[Stored items]
↓
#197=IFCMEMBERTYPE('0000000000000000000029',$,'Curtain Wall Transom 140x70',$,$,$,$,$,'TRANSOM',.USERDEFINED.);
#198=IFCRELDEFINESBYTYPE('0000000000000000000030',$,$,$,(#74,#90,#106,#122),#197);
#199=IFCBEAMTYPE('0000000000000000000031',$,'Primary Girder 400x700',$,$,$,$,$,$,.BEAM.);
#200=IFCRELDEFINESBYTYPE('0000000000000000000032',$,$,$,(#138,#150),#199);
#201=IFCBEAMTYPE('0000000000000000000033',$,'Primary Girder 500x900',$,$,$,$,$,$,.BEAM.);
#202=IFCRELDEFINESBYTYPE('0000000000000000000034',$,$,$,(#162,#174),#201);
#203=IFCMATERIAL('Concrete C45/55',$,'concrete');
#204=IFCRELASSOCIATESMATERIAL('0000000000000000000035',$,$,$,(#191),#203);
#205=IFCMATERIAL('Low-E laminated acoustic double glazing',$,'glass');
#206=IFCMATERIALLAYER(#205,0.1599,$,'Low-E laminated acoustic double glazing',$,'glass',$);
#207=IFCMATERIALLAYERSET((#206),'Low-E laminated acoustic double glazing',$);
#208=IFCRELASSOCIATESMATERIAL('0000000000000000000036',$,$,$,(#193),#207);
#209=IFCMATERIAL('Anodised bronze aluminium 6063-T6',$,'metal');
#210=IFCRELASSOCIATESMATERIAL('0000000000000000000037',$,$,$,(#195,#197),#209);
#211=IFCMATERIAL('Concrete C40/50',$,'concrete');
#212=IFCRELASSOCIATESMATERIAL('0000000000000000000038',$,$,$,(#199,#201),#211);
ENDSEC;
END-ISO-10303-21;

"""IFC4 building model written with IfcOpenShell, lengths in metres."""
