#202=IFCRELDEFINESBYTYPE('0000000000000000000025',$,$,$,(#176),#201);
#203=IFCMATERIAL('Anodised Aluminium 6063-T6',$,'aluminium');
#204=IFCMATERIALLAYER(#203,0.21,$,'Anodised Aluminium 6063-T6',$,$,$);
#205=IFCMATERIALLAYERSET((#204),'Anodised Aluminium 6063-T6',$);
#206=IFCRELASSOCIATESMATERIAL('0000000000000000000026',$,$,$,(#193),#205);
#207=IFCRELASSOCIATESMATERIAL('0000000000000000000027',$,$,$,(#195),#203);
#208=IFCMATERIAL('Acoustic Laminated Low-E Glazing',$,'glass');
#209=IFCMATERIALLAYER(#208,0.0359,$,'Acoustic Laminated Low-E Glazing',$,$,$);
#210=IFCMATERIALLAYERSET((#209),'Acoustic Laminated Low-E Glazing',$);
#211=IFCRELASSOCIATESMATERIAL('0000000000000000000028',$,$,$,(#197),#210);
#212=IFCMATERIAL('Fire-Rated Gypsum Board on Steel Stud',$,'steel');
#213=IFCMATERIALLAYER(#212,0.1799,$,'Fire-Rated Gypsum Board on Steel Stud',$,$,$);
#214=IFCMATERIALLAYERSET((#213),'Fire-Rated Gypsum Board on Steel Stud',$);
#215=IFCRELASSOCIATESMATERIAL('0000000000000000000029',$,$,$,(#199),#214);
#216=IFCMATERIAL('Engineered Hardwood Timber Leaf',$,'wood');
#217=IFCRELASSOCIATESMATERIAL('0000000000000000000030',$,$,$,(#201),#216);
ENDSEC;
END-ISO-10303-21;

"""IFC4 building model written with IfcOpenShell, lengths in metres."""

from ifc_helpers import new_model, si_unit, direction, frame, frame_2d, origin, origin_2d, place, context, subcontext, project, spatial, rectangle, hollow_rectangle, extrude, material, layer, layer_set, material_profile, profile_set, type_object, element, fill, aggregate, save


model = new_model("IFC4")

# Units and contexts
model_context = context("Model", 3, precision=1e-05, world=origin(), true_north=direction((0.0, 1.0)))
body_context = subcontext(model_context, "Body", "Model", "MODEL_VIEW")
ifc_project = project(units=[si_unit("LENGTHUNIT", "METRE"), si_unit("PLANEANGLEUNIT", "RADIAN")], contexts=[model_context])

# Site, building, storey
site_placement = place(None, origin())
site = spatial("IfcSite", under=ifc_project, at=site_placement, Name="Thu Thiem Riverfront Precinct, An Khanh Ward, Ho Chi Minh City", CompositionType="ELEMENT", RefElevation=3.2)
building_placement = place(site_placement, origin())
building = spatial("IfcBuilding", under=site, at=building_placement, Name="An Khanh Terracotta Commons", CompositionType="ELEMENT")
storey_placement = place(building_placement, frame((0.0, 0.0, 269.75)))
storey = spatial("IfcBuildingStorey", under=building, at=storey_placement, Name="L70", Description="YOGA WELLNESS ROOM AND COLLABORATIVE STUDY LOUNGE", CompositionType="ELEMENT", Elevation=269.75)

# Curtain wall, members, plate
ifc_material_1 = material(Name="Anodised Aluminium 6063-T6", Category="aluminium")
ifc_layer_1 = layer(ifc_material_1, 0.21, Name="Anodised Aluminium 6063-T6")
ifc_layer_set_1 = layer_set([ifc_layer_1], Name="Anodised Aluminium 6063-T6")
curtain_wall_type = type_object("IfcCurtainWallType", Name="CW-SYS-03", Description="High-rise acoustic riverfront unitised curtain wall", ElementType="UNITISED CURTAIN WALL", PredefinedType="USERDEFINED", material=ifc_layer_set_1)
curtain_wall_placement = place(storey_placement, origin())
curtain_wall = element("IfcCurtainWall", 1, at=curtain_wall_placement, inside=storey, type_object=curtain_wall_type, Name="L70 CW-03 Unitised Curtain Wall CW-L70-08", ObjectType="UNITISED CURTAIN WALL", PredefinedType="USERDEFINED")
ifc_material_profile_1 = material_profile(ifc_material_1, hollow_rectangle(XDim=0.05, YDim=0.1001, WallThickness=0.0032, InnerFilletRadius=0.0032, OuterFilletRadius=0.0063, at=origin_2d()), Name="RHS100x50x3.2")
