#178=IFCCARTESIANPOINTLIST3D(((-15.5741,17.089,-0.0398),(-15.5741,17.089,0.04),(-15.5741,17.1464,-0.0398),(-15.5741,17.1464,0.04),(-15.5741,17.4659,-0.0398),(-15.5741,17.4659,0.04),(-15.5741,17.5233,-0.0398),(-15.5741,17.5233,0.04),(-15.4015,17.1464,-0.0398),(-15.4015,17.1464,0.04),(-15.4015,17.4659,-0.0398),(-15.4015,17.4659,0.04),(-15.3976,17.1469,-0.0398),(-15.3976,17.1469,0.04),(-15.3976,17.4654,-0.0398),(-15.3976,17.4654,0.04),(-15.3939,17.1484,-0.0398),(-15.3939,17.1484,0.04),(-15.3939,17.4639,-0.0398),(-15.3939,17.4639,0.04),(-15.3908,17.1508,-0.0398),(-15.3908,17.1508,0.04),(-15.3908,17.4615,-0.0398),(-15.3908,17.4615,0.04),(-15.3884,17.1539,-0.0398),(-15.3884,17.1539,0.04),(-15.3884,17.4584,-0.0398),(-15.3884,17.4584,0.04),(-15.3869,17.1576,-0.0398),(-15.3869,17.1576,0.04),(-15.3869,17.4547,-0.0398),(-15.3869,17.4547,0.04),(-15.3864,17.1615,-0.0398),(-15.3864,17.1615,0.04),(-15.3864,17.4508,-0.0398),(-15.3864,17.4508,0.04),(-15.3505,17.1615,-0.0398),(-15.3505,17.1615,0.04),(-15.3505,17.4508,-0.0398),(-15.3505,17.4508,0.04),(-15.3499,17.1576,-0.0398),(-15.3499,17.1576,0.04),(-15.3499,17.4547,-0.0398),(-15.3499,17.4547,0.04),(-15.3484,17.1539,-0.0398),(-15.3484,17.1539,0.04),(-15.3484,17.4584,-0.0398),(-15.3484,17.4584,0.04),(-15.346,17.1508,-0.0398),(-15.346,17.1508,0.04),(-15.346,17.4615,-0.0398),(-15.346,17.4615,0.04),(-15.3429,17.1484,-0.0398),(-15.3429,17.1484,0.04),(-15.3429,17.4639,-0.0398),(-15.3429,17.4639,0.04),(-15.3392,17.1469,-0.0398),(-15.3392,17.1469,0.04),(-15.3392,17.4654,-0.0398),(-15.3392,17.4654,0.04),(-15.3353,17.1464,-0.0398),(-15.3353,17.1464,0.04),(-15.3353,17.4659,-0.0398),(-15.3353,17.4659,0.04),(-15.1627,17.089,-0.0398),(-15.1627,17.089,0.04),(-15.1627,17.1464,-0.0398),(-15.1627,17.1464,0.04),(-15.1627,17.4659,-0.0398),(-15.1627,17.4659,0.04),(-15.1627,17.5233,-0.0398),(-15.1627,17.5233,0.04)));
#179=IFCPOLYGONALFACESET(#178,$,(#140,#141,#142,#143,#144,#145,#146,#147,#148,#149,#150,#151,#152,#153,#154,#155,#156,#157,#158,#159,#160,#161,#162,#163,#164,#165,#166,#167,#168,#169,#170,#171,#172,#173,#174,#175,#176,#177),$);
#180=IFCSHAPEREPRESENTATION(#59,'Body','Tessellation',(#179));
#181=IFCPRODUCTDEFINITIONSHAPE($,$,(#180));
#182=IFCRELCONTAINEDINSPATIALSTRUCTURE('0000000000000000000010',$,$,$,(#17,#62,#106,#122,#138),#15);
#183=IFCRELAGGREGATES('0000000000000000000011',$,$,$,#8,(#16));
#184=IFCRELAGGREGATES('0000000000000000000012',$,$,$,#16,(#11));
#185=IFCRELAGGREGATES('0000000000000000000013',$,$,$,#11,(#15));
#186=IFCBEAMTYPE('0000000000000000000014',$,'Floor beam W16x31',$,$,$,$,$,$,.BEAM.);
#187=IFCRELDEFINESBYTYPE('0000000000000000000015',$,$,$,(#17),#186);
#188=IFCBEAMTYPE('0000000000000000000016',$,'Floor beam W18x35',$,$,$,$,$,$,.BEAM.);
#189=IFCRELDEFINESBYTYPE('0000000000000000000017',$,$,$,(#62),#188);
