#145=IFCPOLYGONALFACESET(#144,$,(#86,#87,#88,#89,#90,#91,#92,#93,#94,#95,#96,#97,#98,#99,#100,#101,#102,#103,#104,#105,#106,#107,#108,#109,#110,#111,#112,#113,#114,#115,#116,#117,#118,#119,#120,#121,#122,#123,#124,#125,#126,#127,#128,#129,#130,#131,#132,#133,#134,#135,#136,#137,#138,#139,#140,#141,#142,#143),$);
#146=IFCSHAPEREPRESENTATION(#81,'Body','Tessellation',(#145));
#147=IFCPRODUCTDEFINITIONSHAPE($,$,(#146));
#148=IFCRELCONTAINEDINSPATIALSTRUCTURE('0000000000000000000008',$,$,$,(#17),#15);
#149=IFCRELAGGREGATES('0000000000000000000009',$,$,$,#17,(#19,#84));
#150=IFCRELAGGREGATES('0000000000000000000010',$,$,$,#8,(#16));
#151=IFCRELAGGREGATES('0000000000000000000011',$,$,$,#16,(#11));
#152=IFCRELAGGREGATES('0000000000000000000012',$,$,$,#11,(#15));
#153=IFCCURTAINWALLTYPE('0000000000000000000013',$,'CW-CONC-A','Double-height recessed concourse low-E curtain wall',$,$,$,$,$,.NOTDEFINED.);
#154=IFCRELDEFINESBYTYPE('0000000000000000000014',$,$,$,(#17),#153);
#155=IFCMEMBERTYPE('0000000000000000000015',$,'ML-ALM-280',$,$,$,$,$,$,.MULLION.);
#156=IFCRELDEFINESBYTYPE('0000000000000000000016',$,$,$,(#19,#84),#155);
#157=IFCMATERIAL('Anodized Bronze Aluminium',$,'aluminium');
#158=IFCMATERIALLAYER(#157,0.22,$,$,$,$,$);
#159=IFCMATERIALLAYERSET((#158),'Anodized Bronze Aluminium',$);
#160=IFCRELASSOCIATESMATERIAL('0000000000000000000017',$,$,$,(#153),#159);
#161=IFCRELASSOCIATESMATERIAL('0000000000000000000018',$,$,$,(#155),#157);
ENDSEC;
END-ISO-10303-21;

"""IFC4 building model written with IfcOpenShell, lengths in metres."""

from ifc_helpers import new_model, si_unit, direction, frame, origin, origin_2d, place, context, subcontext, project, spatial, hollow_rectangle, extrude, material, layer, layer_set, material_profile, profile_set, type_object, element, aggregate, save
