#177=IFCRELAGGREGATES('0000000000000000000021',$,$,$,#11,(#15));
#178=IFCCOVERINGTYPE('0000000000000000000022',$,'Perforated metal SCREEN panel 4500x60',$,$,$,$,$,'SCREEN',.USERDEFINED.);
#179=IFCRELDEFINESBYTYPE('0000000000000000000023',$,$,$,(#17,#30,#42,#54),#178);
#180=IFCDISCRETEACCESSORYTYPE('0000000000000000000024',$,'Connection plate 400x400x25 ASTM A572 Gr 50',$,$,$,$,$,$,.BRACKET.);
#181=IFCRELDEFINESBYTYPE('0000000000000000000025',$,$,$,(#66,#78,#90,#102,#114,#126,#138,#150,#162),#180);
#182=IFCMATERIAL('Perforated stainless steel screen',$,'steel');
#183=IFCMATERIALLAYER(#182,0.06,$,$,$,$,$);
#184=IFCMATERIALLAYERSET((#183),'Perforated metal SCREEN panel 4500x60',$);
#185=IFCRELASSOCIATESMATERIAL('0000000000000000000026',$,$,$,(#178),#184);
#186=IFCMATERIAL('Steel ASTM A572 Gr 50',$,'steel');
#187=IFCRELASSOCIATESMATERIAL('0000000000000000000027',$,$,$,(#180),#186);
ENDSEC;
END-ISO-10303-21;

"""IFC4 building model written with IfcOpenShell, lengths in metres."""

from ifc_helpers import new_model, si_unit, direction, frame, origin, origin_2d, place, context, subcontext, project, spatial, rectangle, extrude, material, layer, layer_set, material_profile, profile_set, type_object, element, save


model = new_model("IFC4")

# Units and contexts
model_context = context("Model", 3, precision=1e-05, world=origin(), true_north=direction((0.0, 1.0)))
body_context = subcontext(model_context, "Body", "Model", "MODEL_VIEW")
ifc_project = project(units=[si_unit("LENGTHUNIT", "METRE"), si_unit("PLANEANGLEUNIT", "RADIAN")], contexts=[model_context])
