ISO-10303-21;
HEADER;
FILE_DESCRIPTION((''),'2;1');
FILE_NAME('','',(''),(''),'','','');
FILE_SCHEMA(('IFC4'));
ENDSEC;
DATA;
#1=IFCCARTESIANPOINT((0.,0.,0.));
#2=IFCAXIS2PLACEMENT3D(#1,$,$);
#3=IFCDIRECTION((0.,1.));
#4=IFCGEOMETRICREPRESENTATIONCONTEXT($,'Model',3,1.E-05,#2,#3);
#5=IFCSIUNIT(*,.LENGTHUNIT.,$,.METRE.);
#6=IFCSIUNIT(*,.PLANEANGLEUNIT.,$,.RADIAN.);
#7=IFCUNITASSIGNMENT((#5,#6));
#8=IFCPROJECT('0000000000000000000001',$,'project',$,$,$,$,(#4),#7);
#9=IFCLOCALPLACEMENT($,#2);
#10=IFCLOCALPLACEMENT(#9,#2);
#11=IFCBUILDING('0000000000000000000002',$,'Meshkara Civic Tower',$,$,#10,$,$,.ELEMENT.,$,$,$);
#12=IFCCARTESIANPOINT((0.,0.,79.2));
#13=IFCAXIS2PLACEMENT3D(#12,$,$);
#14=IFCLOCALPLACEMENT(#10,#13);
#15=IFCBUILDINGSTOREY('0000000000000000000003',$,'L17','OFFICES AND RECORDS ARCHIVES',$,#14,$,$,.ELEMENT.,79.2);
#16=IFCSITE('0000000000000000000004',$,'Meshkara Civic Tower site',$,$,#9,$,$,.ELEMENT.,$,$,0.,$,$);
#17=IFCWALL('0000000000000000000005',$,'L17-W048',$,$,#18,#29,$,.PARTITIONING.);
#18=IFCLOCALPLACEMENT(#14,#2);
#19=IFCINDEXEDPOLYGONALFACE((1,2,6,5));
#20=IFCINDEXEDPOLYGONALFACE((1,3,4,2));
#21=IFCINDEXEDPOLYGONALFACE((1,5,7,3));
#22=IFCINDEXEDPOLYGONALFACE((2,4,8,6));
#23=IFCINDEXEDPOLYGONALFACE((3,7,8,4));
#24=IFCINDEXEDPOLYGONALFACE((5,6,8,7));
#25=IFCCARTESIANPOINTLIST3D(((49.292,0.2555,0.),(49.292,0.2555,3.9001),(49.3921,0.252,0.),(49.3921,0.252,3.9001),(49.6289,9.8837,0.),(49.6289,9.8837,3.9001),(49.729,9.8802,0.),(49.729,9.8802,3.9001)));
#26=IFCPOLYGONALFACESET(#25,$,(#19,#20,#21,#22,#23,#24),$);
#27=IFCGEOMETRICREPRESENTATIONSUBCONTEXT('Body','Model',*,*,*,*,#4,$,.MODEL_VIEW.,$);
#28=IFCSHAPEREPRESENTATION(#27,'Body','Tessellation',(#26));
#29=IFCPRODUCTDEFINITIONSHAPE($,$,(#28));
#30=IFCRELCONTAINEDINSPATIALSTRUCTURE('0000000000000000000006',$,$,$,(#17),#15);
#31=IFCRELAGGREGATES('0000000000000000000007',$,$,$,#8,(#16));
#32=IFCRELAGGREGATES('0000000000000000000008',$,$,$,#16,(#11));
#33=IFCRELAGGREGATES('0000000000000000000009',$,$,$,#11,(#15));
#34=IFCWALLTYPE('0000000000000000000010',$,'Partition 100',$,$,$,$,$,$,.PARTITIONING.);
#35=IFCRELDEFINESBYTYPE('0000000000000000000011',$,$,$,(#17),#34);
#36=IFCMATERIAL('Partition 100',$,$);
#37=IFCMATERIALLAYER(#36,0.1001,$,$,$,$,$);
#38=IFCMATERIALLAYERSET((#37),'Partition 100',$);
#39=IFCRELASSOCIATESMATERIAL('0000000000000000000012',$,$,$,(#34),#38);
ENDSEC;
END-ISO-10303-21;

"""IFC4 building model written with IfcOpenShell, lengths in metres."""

from ifc_helpers import new_model, si_unit, direction, frame, frame_2d, origin, place, context, subcontext, project, spatial, rectangle, extrude, material, layer, layer_set, type_object, element, save


model = new_model("IFC4")

# Units and contexts
model_context = context("Model", 3, precision=1e-05, world=origin(), true_north=direction((0.0, 1.0)))
body_context = subcontext(model_context, "Body", "Model", "MODEL_VIEW")
ifc_project = project(units=[si_unit("LENGTHUNIT", "METRE"), si_unit("PLANEANGLEUNIT", "RADIAN")], contexts=[model_context])

# Site, building, storey
site_placement = place(None, origin())
site = spatial("IfcSite", under=ifc_project, at=site_placement, Name="Meshkara Civic Tower site", CompositionType="ELEMENT", RefElevation=0.0)
building_placement = place(site_placement, origin())
building = spatial("IfcBuilding", under=site, at=building_placement, Name="Meshkara Civic Tower", CompositionType="ELEMENT")
storey_placement = place(building_placement, frame((0.0, 0.0, 79.2)))
storey = spatial("IfcBuildingStorey", under=building, at=storey_placement, Name="L17", Description="OFFICES AND RECORDS ARCHIVES", CompositionType="ELEMENT", Elevation=79.2)

# Wall
ifc_material_1 = material(Name="Partition 100")
ifc_layer_1 = layer(ifc_material_1, 0.1001)
ifc_layer_set_1 = layer_set([ifc_layer_1], Name="Partition 100")
wall_type_1 = type_object("IfcWallType", Name="Partition 100", PredefinedType="PARTITIONING", material=ifc_layer_set_1)
wall_1_placement = place(storey_placement, frame((49.342, 0.2539, 0.0), z_axis=(0.0, 0.0, 1.0), x_axis=(0.034971, 0.999388, 0.0)))
element("IfcWall", 1, at=wall_1_placement, inside=storey, type_object=wall_type_1, Name="L17-W048", PredefinedType="PARTITIONING", context=body_context, shape_type="SweptSolid", body=[
    extrude(rectangle(XDim=9.634, YDim=0.1001, at=frame_2d((4.8169, 0.0))), origin(), (0.0, 0.0, 1.0), 3.9001),
])

save(model, "model.ifc")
↑
= TASK BRIEF =
Among the lines of the data, find every one that holds "metal" and copy it.

= PROBLEM SOLUTION =
#209=IFCMATERIAL('Anodised bronze aluminium 6063-T6',$,'metal');
#178=IFCCOVERINGTYPE('0000000000000000000022',$,'Perforated metal SCREEN panel 4500x60',$,$,$,$,$,'SCREEN',.USERDEFINED.);
#184=IFCMATERIALLAYERSET((#183),'Perforated metal SCREEN panel 4500x60',$);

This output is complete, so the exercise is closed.